((
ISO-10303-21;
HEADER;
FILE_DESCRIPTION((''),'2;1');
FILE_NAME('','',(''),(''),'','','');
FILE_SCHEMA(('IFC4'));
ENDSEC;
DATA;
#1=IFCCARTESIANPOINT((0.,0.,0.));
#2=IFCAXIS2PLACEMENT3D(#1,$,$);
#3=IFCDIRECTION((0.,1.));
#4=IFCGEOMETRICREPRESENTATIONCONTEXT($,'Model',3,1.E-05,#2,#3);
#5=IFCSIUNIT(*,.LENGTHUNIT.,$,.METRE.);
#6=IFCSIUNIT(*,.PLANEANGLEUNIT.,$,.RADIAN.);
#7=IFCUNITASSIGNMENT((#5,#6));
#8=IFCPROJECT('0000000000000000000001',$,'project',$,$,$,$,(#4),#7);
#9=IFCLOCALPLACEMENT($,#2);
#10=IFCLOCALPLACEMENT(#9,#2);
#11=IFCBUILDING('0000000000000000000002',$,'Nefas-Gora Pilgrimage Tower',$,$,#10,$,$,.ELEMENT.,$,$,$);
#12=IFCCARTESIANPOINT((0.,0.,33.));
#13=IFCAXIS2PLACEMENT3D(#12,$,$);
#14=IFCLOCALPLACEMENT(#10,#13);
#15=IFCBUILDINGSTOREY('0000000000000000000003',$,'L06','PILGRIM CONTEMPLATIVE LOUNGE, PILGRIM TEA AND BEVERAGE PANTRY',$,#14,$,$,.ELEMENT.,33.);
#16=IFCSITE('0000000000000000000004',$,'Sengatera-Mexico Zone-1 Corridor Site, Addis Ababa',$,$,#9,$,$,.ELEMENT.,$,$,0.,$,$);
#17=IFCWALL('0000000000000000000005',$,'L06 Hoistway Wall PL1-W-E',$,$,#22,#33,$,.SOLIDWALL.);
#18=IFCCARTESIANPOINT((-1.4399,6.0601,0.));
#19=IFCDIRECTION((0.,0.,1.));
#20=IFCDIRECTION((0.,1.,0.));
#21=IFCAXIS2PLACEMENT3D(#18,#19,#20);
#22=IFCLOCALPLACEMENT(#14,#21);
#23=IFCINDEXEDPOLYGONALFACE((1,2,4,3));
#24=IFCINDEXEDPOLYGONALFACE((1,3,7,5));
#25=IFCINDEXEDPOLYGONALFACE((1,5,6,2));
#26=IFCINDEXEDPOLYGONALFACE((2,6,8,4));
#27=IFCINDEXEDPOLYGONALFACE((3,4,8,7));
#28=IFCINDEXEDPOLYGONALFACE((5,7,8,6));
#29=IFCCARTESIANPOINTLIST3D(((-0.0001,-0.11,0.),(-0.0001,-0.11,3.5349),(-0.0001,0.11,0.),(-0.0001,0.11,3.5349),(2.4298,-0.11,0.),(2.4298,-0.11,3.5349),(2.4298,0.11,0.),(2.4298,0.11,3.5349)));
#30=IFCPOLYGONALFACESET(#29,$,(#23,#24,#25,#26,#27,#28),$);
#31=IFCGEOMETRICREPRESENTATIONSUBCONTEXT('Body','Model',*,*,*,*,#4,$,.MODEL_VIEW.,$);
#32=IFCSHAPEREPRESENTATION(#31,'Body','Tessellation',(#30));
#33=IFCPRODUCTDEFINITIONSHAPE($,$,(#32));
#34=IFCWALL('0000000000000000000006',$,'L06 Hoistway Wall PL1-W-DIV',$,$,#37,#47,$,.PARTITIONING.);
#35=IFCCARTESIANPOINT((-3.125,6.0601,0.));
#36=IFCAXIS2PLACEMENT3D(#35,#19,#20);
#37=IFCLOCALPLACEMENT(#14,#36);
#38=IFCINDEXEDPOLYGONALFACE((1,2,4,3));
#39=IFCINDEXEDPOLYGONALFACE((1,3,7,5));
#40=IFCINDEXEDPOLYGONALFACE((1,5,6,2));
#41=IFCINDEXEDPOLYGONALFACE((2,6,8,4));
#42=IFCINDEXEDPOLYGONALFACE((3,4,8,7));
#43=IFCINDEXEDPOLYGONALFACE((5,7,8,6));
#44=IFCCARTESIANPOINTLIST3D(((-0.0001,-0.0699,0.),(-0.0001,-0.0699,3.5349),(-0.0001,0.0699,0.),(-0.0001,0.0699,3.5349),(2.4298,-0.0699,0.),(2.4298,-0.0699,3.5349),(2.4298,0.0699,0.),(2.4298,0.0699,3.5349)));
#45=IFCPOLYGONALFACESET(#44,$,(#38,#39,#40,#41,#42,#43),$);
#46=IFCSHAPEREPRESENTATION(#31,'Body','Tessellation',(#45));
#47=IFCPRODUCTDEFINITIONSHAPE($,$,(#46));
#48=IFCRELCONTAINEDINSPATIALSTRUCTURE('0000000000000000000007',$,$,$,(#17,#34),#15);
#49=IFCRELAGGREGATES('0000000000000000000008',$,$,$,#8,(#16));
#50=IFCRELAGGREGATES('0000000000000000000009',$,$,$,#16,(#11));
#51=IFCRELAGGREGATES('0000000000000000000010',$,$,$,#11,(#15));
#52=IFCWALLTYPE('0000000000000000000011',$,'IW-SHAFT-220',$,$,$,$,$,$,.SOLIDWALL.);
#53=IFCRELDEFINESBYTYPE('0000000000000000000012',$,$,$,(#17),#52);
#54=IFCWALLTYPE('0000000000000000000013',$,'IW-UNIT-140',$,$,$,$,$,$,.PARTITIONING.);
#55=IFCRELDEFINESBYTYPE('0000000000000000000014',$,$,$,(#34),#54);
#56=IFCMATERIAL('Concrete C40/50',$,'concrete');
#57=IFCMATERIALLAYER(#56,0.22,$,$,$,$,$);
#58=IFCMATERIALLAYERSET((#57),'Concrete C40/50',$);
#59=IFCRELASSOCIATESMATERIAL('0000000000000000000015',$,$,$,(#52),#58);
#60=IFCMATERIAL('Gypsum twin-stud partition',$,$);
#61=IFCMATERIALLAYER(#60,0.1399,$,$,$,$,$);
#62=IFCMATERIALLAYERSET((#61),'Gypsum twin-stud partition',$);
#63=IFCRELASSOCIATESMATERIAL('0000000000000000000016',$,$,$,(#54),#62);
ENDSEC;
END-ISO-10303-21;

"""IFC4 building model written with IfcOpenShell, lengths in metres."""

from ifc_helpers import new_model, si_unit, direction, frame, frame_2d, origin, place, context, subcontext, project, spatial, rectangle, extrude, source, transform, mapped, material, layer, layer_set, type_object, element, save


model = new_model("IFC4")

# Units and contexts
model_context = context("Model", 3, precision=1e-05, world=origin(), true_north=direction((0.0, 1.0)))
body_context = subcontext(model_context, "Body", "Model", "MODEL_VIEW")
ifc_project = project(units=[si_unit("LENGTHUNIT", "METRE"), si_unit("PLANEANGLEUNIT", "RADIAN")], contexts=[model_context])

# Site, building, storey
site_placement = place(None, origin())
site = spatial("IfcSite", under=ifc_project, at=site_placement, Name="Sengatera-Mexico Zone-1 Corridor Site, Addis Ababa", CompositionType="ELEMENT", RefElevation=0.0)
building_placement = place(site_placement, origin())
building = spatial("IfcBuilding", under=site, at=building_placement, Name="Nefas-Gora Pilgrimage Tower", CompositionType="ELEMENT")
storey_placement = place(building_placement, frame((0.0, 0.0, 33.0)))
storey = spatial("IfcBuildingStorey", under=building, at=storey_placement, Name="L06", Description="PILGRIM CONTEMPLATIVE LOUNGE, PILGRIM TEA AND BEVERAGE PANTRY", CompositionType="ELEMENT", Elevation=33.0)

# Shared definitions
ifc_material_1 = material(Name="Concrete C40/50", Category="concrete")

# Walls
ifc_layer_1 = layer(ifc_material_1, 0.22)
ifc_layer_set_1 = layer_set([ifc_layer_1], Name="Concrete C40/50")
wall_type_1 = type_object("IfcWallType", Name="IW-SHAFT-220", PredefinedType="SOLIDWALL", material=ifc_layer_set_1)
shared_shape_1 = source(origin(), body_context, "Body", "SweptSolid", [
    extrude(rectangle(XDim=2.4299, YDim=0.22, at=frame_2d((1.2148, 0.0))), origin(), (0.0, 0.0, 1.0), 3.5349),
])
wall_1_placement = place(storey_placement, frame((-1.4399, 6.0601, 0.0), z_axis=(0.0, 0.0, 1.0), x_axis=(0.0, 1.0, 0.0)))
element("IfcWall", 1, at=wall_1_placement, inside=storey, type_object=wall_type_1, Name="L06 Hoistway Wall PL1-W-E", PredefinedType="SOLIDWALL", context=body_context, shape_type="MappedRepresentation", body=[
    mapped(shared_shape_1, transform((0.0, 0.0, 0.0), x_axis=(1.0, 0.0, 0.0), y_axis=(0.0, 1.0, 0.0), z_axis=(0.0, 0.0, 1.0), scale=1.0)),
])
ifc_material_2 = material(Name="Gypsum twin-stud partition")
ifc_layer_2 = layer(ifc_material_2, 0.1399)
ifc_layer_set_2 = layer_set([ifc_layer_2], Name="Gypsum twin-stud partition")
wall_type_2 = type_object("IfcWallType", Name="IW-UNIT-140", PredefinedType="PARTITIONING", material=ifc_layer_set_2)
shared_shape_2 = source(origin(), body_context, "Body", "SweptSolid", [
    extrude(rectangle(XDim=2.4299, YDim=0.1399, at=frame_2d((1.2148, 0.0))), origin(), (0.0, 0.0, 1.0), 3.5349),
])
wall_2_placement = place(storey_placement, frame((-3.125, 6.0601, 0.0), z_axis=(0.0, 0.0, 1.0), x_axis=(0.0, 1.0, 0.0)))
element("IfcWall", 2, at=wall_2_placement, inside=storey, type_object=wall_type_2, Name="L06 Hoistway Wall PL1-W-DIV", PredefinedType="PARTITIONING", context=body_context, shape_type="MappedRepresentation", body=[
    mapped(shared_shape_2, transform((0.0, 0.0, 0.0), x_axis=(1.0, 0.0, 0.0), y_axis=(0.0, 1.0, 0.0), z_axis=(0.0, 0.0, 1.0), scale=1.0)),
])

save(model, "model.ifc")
))
▶ _What you have to do_
Could you set down, word for word, only the lines above from the line with "AND BEVERAGE PANTRY',$,#14,$,$,.ELEMENT.,33.);" to the line with "#19=IFCDIRECTION((0.,0.,1.));", including both?

▶ _Your response_
#15=IFCBUILDINGSTOREY('0000000000000000000003',$,'L06','PILGRIM CONTEMPLATIVE LOUNGE, PILGRIM TEA AND BEVERAGE PANTRY',$,#14,$,$,.ELEMENT.,33.);
#16=IFCSITE('0000000000000000000004',$,'Sengatera-Mexico Zone-1 Corridor Site, Addis Ababa',$,$,#9,$,$,.ELEMENT.,$,$,0.,$,$);
#17=IFCWALL('0000000000000000000005',$,'L06 Hoistway Wall PL1-W-E',$,$,#22,#33,$,.SOLIDWALL.);
#18=IFCCARTESIANPOINT((-1.4399,6.0601,0.));
#19=IFCDIRECTION((0.,0.,1.));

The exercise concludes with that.